Every line from the one containing "#149=IFCINDEXEDPOLYGONALFACE((15,51,53,17));" to the one containing "#156=IFCINDEXEDPOLYGONALFACE((22,24,60,58));" in the records below, both included, must be set down exactly, and no other line.

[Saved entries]
#####

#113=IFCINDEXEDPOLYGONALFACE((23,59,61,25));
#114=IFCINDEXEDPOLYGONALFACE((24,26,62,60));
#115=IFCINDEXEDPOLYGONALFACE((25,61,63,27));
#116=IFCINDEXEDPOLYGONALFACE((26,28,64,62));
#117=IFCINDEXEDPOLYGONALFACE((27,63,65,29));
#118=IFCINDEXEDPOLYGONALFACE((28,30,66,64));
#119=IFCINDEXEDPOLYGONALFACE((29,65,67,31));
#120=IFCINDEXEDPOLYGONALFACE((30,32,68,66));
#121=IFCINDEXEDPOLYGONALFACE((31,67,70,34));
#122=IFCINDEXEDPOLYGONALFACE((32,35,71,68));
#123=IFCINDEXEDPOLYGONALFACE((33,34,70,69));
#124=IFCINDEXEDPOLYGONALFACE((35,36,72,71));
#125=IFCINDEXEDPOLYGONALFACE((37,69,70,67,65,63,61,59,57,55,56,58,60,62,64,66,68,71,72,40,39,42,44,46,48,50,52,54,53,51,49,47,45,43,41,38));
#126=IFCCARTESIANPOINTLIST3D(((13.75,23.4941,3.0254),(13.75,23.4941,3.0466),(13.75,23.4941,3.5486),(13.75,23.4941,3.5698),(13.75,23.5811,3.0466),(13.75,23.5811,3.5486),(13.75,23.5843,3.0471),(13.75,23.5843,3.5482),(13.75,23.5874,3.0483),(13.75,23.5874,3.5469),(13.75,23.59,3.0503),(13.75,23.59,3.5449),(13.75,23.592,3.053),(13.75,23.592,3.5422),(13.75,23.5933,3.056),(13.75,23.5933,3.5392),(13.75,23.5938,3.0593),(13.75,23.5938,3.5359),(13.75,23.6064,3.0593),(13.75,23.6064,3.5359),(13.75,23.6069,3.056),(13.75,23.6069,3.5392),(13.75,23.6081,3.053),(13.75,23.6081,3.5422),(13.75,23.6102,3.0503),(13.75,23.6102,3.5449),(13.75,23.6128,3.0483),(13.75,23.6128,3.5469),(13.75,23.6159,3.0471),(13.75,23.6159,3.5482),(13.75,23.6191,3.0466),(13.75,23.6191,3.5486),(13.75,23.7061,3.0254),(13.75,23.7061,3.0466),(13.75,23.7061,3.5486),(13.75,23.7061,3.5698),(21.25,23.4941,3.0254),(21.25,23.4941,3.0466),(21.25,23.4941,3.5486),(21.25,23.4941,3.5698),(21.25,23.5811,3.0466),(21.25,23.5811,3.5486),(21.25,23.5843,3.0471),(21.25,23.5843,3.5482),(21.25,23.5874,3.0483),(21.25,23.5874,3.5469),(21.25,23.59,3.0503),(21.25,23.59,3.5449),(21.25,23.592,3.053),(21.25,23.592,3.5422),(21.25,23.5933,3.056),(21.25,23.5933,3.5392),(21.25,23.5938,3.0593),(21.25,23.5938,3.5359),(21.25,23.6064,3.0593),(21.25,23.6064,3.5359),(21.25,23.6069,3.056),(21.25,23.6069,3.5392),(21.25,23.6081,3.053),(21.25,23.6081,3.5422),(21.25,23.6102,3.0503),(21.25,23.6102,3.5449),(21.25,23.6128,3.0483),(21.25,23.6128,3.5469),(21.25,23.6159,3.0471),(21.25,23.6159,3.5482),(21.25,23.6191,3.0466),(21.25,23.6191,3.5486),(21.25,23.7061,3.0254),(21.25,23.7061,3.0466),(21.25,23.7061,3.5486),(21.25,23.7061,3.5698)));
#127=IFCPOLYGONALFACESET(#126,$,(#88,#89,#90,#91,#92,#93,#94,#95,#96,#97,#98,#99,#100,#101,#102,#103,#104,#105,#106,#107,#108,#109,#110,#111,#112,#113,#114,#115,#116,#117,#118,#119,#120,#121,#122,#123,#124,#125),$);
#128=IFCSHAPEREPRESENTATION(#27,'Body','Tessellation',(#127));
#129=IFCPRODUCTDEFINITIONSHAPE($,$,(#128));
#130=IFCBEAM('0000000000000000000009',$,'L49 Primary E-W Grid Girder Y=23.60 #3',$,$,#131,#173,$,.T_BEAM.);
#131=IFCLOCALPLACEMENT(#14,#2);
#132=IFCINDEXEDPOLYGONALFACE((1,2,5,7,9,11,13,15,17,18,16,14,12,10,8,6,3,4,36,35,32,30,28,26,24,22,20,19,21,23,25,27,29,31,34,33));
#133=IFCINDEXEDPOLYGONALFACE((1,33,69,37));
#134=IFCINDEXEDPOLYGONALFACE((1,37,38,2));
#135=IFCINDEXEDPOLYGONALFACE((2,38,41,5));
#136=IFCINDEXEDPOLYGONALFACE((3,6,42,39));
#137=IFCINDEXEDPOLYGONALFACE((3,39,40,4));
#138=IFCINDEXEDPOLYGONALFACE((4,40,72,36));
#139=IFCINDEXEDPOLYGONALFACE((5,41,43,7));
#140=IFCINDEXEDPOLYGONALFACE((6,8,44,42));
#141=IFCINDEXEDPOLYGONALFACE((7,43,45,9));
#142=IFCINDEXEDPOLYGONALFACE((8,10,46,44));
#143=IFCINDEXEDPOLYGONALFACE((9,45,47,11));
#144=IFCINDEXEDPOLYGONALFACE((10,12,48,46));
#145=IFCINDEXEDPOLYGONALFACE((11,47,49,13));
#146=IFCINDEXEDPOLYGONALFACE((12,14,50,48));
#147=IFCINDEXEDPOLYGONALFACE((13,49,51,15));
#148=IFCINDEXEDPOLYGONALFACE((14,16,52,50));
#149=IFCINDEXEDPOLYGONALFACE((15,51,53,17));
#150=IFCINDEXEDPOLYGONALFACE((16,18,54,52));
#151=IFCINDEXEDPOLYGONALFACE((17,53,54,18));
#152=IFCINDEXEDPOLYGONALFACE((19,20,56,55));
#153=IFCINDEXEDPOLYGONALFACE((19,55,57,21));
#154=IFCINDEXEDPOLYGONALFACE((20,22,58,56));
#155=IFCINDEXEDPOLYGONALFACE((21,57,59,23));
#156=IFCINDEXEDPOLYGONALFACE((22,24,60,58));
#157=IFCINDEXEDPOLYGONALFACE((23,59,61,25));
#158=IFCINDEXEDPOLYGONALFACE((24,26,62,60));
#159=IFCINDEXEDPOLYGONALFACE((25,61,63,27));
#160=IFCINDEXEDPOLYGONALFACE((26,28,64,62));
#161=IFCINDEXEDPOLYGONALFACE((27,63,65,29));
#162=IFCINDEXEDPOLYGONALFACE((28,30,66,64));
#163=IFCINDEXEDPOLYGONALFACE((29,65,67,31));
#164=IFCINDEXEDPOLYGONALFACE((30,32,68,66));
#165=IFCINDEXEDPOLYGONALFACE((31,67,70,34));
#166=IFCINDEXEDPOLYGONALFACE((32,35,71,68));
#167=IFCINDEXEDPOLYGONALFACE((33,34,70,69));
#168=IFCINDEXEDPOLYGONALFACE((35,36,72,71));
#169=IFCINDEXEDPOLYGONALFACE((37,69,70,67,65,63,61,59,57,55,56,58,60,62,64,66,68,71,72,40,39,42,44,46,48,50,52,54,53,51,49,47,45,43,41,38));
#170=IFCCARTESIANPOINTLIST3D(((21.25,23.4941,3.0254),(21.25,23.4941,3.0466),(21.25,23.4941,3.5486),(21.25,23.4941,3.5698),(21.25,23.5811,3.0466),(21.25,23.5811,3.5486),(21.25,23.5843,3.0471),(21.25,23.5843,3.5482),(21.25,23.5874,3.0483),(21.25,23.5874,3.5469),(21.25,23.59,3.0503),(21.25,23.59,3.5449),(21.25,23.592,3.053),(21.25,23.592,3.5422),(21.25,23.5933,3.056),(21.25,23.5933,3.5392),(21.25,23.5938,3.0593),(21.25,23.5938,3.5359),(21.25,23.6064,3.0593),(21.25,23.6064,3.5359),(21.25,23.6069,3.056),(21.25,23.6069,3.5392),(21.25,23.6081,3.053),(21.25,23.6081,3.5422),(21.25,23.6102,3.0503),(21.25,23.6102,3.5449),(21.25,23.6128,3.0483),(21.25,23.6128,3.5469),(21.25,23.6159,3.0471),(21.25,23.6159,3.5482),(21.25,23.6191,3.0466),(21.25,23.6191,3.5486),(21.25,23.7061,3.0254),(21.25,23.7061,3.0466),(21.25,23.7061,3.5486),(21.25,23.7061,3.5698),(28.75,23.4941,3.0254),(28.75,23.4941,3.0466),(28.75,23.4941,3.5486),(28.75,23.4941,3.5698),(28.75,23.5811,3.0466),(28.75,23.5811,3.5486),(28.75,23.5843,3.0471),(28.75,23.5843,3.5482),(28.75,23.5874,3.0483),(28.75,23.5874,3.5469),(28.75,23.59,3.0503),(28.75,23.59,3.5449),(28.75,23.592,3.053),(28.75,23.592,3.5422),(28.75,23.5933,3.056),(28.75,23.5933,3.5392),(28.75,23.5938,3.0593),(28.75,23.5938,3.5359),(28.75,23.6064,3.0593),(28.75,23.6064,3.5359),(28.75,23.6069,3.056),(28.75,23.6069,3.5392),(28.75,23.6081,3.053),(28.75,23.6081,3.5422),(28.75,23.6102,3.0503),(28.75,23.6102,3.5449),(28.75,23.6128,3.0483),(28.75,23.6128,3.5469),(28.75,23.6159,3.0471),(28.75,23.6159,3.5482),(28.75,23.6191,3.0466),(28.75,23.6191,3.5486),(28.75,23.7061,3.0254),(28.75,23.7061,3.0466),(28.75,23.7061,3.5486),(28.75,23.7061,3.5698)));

#####

§ **Answer space**
#149=IFCINDEXEDPOLYGONALFACE((15,51,53,17));
#150=IFCINDEXEDPOLYGONALFACE((16,18,54,52));
#151=IFCINDEXEDPOLYGONALFACE((17,53,54,18));
#152=IFCINDEXEDPOLYGONALFACE((19,20,56,55));
#153=IFCINDEXEDPOLYGONALFACE((19,55,57,21));
#154=IFCINDEXEDPOLYGONALFACE((20,22,58,56));
#155=IFCINDEXEDPOLYGONALFACE((21,57,59,23));
#156=IFCINDEXEDPOLYGONALFACE((22,24,60,58));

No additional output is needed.